**Source data**
* * *

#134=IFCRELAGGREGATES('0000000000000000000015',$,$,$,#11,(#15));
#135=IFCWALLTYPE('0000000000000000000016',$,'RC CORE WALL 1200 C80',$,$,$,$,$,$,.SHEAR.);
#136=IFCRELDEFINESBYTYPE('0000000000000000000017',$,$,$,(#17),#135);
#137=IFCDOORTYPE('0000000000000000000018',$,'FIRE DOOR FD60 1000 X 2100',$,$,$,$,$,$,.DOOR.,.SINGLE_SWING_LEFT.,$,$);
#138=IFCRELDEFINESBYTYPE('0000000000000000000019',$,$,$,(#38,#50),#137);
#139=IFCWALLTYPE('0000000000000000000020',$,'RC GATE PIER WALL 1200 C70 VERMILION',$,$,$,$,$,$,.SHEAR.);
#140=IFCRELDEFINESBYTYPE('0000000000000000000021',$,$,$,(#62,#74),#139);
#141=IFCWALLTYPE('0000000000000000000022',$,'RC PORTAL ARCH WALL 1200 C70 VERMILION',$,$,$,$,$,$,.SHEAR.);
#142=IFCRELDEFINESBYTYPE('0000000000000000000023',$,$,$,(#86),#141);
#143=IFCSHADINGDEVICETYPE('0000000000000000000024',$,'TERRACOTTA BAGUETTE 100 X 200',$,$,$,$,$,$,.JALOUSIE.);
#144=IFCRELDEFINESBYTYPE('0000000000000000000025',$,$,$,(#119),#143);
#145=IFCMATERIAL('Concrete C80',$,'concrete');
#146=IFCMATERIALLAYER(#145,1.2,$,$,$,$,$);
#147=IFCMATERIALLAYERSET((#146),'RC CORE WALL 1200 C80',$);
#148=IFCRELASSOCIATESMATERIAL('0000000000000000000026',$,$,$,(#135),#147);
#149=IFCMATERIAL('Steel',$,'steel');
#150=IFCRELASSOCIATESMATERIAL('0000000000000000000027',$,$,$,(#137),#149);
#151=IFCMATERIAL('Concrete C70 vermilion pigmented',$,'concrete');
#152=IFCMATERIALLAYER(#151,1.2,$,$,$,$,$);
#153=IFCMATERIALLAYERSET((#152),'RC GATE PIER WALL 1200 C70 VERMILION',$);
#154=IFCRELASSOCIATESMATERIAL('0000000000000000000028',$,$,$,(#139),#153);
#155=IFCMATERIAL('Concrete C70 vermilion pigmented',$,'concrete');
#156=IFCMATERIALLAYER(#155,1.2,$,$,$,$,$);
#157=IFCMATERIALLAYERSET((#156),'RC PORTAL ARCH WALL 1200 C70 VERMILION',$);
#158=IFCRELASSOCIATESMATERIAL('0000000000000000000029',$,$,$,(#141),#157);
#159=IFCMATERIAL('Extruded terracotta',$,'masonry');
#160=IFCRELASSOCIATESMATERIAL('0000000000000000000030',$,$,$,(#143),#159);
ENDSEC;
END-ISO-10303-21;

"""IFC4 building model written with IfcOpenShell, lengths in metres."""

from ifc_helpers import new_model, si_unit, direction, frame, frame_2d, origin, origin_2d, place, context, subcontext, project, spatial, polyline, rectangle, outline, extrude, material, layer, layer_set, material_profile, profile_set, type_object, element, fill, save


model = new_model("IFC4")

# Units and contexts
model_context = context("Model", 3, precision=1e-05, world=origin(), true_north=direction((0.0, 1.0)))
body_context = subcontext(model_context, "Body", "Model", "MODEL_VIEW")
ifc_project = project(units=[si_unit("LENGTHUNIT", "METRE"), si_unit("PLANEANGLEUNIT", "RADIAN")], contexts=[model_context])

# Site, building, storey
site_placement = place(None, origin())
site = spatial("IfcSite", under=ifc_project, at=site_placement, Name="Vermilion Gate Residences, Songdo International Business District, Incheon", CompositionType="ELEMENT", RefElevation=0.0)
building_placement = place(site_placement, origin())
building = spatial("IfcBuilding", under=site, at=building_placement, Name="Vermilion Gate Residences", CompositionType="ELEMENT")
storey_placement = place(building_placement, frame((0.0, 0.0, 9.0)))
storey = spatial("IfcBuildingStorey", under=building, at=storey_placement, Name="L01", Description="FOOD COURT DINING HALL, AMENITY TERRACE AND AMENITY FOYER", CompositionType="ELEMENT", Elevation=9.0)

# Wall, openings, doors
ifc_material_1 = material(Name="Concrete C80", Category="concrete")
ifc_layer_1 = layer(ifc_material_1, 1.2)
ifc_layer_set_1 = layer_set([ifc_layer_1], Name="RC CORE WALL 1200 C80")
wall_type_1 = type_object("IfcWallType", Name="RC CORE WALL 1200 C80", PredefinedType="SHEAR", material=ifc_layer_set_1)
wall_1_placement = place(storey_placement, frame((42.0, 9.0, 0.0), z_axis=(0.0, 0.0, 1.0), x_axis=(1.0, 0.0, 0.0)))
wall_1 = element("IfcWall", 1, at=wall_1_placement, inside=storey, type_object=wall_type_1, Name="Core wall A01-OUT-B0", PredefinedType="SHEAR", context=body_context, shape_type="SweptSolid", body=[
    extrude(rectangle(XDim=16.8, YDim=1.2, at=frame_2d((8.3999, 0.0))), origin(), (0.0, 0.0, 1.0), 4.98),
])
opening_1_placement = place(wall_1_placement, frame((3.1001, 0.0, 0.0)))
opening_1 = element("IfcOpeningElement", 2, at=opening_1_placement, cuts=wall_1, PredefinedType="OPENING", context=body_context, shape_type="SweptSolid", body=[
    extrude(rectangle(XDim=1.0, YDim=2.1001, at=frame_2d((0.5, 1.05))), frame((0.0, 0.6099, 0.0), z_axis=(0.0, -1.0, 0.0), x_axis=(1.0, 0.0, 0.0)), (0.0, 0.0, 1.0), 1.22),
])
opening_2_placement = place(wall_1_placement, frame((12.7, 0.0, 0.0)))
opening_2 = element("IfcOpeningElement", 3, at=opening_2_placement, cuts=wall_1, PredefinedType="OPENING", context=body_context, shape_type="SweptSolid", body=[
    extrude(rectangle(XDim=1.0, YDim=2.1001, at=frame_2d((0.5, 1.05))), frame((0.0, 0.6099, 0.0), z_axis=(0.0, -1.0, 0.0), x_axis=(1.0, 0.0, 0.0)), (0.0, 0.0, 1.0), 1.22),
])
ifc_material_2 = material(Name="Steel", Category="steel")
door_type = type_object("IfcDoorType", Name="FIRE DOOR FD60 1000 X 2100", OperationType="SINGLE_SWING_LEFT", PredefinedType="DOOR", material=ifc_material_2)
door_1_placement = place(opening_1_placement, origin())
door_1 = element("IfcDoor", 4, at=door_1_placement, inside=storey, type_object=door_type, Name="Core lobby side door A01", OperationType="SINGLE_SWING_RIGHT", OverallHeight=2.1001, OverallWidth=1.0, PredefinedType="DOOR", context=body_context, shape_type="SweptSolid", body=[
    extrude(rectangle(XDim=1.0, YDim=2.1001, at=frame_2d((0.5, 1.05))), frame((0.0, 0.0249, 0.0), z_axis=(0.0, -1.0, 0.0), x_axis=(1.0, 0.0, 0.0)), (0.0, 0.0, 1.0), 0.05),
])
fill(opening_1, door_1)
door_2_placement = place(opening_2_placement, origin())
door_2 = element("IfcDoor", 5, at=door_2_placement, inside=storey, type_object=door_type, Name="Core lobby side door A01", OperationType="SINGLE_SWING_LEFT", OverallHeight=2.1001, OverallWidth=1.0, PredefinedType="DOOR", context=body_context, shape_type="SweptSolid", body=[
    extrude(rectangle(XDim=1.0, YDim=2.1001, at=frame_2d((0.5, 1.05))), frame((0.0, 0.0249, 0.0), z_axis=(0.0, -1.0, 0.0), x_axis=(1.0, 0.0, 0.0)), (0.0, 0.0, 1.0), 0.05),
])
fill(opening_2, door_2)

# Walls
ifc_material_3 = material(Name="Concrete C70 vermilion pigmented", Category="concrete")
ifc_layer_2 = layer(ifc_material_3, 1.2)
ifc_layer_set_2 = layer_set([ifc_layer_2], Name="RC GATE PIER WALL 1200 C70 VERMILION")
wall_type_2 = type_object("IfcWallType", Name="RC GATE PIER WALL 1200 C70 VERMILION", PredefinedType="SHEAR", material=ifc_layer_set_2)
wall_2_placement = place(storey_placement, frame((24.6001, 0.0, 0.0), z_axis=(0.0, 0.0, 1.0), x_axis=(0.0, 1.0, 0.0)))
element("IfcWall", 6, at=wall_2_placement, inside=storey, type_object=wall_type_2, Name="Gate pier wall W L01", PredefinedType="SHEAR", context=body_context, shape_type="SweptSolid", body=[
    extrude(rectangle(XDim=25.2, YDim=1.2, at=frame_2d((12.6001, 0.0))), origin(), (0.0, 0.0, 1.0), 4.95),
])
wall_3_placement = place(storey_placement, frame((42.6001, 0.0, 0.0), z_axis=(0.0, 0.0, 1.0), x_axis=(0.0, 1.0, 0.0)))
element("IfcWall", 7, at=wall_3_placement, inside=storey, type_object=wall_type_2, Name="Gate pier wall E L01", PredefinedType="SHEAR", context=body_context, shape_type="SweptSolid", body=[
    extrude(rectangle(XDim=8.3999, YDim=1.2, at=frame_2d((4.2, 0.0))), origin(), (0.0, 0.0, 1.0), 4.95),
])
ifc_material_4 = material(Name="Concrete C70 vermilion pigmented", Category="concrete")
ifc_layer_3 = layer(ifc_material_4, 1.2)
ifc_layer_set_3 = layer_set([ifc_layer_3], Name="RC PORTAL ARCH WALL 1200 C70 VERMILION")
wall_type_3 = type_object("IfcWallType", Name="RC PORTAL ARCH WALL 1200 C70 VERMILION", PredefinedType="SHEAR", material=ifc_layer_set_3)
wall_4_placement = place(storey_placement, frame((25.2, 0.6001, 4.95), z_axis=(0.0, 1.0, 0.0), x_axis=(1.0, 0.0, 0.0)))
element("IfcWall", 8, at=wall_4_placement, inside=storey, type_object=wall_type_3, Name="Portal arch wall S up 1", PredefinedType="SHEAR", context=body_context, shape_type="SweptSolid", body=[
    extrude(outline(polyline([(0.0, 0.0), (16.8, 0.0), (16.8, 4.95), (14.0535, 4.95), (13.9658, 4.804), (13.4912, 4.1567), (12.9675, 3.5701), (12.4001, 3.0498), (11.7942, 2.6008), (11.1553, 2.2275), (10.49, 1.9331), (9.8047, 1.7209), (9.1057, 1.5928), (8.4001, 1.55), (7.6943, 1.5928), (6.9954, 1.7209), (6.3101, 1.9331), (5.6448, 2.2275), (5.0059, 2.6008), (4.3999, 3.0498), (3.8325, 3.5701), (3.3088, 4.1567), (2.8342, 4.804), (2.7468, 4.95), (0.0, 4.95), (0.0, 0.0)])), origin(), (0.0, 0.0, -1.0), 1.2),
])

* * *

**How to complete this task**
Taking the entries above, print exactly the lines starting at the line with "pier wall W" and ending at the line with "arch wall S", both included.

**Response area**
element("IfcWall", 6, at=wall_2_placement, inside=storey, type_object=wall_type_2, Name="Gate pier wall W L01", PredefinedType="SHEAR", context=body_context, shape_type="SweptSolid", body=[
    extrude(rectangle(XDim=25.2, YDim=1.2, at=frame_2d((12.6001, 0.0))), origin(), (0.0, 0.0, 1.0), 4.95),
])
wall_3_placement = place(storey_placement, frame((42.6001, 0.0, 0.0), z_axis=(0.0, 0.0, 1.0), x_axis=(0.0, 1.0, 0.0)))
element("IfcWall", 7, at=wall_3_placement, inside=storey, type_object=wall_type_2, Name="Gate pier wall E L01", PredefinedType="SHEAR", context=body_context, shape_type="SweptSolid", body=[
    extrude(rectangle(XDim=8.3999, YDim=1.2, at=frame_2d((4.2, 0.0))), origin(), (0.0, 0.0, 1.0), 4.95),
])
ifc_material_4 = material(Name="Concrete C70 vermilion pigmented", Category="concrete")
ifc_layer_3 = layer(ifc_material_4, 1.2)
ifc_layer_set_3 = layer_set([ifc_layer_3], Name="RC PORTAL ARCH WALL 1200 C70 VERMILION")
wall_type_3 = type_object("IfcWallType", Name="RC PORTAL ARCH WALL 1200 C70 VERMILION", PredefinedType="SHEAR", material=ifc_layer_set_3)
wall_4_placement = place(storey_placement, frame((25.2, 0.6001, 4.95), z_axis=(0.0, 1.0, 0.0), x_axis=(1.0, 0.0, 0.0)))
element("IfcWall", 8, at=wall_4_placement, inside=storey, type_object=wall_type_3, Name="Portal arch wall S up 1", PredefinedType="SHEAR", context=body_context, shape_type="SweptSolid", body=[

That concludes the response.